DATA Block Start
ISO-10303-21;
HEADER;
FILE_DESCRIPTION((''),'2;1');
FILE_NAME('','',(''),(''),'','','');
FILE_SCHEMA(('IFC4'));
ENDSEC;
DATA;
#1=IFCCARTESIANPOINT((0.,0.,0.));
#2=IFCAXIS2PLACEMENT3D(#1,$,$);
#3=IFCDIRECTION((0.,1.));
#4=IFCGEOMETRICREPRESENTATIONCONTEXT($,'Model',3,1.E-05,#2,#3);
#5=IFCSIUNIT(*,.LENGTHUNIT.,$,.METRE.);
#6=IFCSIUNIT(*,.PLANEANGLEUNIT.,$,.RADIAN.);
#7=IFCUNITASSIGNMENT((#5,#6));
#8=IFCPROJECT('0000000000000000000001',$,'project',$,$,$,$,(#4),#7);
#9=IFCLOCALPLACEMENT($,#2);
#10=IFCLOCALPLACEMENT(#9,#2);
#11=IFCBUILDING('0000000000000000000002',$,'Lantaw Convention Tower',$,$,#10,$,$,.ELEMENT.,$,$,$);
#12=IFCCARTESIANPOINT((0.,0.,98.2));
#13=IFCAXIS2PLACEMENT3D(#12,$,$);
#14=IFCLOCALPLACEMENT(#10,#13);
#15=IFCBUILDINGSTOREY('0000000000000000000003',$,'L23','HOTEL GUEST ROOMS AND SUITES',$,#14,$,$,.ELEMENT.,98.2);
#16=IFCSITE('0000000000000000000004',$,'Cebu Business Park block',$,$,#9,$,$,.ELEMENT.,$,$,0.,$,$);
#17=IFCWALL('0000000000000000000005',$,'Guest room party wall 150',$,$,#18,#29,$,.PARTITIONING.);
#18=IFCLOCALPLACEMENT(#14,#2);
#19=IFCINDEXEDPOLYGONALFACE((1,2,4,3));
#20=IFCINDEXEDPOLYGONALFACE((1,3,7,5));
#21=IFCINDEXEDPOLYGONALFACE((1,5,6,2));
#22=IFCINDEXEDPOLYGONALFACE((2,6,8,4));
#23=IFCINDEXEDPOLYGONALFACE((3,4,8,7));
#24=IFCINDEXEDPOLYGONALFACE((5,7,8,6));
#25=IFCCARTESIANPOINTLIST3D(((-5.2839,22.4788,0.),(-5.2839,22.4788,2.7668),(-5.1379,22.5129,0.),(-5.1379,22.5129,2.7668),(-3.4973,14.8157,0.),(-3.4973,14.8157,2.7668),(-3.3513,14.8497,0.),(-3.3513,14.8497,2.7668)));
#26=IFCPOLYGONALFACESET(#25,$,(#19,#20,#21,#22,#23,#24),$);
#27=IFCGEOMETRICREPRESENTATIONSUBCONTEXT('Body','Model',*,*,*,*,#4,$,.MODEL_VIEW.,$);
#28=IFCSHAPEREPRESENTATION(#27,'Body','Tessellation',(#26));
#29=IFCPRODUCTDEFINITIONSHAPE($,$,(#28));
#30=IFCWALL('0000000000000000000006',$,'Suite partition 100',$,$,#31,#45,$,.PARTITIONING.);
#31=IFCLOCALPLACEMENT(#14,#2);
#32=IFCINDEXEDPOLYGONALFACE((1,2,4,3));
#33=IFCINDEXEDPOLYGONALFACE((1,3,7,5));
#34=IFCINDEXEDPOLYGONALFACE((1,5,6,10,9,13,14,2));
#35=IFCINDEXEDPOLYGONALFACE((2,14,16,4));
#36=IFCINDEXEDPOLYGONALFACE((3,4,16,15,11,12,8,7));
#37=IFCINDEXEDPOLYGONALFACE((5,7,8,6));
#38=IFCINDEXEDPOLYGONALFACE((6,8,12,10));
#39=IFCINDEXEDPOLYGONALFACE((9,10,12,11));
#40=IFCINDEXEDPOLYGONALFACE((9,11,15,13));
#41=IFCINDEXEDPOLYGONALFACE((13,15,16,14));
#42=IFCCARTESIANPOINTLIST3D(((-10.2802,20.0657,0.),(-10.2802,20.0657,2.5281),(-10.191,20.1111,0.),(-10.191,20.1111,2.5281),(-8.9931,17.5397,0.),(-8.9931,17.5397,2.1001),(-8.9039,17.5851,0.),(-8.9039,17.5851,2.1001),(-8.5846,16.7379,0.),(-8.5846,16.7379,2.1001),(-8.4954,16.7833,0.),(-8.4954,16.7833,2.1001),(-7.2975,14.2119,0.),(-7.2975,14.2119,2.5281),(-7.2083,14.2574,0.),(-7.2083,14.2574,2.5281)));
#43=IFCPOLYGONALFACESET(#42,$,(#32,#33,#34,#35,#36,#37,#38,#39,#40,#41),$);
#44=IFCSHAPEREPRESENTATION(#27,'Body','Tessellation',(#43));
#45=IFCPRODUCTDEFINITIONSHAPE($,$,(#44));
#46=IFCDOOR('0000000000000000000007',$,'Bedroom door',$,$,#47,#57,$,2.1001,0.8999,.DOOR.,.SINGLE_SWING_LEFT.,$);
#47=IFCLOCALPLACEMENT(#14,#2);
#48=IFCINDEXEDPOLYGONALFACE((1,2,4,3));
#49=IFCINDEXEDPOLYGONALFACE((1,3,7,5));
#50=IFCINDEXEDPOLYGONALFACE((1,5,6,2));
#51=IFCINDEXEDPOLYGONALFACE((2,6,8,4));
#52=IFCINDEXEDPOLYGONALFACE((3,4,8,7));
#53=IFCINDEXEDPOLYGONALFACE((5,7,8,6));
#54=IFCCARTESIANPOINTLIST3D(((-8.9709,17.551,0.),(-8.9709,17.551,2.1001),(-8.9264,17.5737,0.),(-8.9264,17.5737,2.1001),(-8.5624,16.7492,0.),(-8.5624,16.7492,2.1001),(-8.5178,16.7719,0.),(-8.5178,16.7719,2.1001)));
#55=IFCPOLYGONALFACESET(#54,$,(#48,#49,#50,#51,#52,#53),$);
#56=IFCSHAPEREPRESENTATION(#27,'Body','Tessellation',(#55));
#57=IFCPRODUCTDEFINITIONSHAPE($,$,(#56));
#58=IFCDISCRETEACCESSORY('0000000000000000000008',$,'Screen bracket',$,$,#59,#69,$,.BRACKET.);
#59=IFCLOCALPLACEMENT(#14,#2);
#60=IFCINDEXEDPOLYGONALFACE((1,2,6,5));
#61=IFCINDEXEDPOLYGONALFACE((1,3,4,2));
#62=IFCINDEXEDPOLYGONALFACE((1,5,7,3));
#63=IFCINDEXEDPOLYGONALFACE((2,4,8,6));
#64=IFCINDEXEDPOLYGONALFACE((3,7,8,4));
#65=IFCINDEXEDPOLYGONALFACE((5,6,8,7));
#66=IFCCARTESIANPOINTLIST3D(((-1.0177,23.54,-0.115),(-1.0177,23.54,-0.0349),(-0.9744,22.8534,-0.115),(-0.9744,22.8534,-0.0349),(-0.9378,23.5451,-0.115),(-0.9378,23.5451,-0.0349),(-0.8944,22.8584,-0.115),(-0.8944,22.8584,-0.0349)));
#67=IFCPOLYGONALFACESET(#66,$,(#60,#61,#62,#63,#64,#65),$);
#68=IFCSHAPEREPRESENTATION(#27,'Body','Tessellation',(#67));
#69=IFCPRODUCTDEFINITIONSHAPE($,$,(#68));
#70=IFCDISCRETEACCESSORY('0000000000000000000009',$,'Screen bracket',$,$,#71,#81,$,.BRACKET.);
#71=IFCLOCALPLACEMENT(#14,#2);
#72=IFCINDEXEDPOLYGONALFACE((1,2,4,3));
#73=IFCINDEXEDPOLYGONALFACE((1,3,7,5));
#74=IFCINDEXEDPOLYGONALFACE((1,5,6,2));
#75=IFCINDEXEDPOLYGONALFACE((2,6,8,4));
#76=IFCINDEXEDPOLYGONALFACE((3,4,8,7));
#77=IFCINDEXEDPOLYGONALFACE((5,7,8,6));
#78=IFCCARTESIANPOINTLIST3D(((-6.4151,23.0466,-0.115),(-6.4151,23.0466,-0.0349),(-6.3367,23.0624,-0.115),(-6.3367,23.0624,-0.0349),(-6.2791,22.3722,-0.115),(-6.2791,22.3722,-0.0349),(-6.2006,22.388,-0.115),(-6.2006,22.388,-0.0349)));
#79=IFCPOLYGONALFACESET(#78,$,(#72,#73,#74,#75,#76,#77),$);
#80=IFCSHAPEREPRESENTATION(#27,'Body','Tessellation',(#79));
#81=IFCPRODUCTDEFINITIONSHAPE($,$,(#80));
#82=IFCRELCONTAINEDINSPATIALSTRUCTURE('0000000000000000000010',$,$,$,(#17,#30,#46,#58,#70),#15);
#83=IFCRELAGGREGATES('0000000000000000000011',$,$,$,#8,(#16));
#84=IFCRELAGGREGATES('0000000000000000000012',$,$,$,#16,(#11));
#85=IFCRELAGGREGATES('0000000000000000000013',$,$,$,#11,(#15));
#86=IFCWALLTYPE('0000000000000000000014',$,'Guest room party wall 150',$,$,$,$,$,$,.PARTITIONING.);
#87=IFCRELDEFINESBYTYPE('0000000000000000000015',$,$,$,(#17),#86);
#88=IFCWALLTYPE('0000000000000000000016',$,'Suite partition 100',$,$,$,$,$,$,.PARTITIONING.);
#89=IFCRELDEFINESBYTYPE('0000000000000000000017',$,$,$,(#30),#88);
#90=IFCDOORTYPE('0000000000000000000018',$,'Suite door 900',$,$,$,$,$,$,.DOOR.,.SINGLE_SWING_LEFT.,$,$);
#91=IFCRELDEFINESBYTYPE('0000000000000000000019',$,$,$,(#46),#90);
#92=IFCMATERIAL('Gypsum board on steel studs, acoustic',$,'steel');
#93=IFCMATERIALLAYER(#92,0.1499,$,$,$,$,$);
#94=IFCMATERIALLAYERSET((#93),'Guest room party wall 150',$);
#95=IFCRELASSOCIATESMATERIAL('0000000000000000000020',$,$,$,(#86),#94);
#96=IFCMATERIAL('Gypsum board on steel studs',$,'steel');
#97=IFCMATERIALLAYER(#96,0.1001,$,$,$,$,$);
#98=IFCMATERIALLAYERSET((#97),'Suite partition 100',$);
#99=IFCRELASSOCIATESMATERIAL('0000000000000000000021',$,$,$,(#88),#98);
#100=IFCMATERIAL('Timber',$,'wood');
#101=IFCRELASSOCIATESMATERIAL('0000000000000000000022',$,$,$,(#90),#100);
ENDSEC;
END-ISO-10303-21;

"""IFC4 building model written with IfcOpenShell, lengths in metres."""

from ifc_helpers import new_model, si_unit, direction, frame, frame_2d, origin, origin_2d, place, context, subcontext, project, spatial, rectangle, extrude, material, layer, layer_set, type_object, element, fill, save


model = new_model("IFC4")

# Units and contexts
model_context = context("Model", 3, precision=1e-05, world=origin(), true_north=direction((0.0, 1.0)))
body_context = subcontext(model_context, "Body", "Model", "MODEL_VIEW")
ifc_project = project(units=[si_unit("LENGTHUNIT", "METRE"), si_unit("PLANEANGLEUNIT", "RADIAN")], contexts=[model_context])

# Site, building, storey
site_placement = place(None, origin())
site = spatial("IfcSite", under=ifc_project, at=site_placement, Name="Cebu Business Park block", CompositionType="ELEMENT", RefElevation=0.0)
building_placement = place(site_placement, origin())
building = spatial("IfcBuilding", under=site, at=building_placement, Name="Lantaw Convention Tower", CompositionType="ELEMENT")
storey_placement = place(building_placement, frame((0.0, 0.0, 98.2)))
storey = spatial("IfcBuildingStorey", under=building, at=storey_placement, Name="L23", Description="HOTEL GUEST ROOMS AND SUITES", CompositionType="ELEMENT", Elevation=98.2)

# Wall
ifc_material_1 = material(Name="Gypsum board on steel studs, acoustic", Category="steel")
ifc_layer_1 = layer(ifc_material_1, 0.1499)
ifc_layer_set_1 = layer_set([ifc_layer_1], Name="Guest room party wall 150")
wall_type_1 = type_object("IfcWallType", Name="Guest room party wall 150", PredefinedType="PARTITIONING", material=ifc_layer_set_1)
wall_1_placement = place(storey_placement, frame((-5.2109, 22.4958, 0.0), z_axis=(0.0, 0.0, 1.0), x_axis=(0.227057, -0.973881, 0.0)))
element("IfcWall", 1, at=wall_1_placement, inside=storey, type_object=wall_type_1, Name="Guest room party wall 150", PredefinedType="PARTITIONING", context=body_context, shape_type="SweptSolid", body=[
    extrude(rectangle(XDim=7.8687, YDim=0.1499, at=frame_2d((3.9343, 0.0))), origin(), (0.0, 0.0, 1.0), 2.7668),
])

# Wall, opening, door
ifc_material_2 = material(Name="Gypsum board on steel studs", Category="steel")
ifc_layer_2 = layer(ifc_material_2, 0.1001)
ifc_layer_set_2 = layer_set([ifc_layer_2], Name="Suite partition 100")
wall_type_2 = type_object("IfcWallType", Name="Suite partition 100", PredefinedType="PARTITIONING", material=ifc_layer_set_2)
wall_2_placement = place(storey_placement, frame((-10.2356, 20.0884, 0.0), z_axis=(0.0, 0.0, 1.0), x_axis=(0.453994, -0.891005, 0.0)))
wall_2 = element("IfcWall", 2, at=wall_2_placement, inside=storey, type_object=wall_type_2, Name="Suite partition 100", PredefinedType="PARTITIONING", context=body_context, shape_type="SweptSolid", body=[
    extrude(rectangle(XDim=6.5698, YDim=0.1001, at=frame_2d((3.2849, 0.0))), origin(), (0.0, 0.0, 1.0), 2.5281),
])
opening_1_placement = place(wall_2_placement, frame((2.835, 0.0, 0.0)))
opening_1 = element("IfcOpeningElement", 3, at=opening_1_placement, cuts=wall_2, PredefinedType="OPENING", context=body_context, shape_type="SweptSolid", body=[
    extrude(rectangle(XDim=0.8999, YDim=2.1001, at=frame_2d((0.45, 1.05))), frame((0.0, 0.0601, 0.0), z_axis=(0.0, -1.0, 0.0), x_axis=(1.0, 0.0, 0.0)), (0.0, 0.0, 1.0), 0.1201),
])
ifc_material_3 = material(Name="Timber", Category="wood")
door_type = type_object("IfcDoorType", Name="Suite door 900", OperationType="SINGLE_SWING_LEFT", PredefinedType="DOOR", material=ifc_material_3)
door_placement = place(opening_1_placement, origin())
door = element("IfcDoor", 4, at=door_placement, inside=storey, type_object=door_type, Name="Bedroom door", OperationType="SINGLE_SWING_LEFT", OverallHeight=2.1001, OverallWidth=0.8999, PredefinedType="DOOR", context=body_context, shape_type="SweptSolid", body=[
    extrude(rectangle(XDim=0.8999, YDim=2.1001, at=frame_2d((0.45, 1.05))), frame((0.0, 0.0249, 0.0), z_axis=(0.0, -1.0, 0.0), x_axis=(1.0, 0.0, 0.0)), (0.0, 0.0, 1.0), 0.05),
])
fill(opening_1, door)

# Discrete accessories
for number, where, z_axis, x_axis, name in (
    (5, (-0.9561, 23.1992, -0.115), (0.0, 0.0, 1.0), (-0.998016, -0.062958, 0.0), "Screen bracket"),
    (6, (-6.3079, 22.7173, -0.115), (0.0, 0.0, 1.0), (-0.980245, -0.197789, 0.0), "Screen bracket"),
):
    element("IfcDiscreteAccessory", number, at=place(storey_placement, frame(where, z_axis=z_axis, x_axis=x_axis)), inside=storey, Name=name, PredefinedType="BRACKET", context=body_context, shape_type="SweptSolid", body=[
        extrude(rectangle(XDim=0.0801, YDim=0.688, at=origin_2d()), origin(), (0.0, 0.0, 1.0), 0.0801),
    ])

save(model, "model.ifc")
DATA Block End
● YOUR INSTRUCTIONS
Look through the material for "IFCRELAGGREGATES". Copy each line that has it.

● SOLUTION FOR THIS EXERCISE
#83=IFCRELAGGREGATES('0000000000000000000011',$,$,$,#8,(#16));
#84=IFCRELAGGREGATES('0000000000000000000012',$,$,$,#16,(#11));
#85=IFCRELAGGREGATES('0000000000000000000013',$,$,$,#11,(#15));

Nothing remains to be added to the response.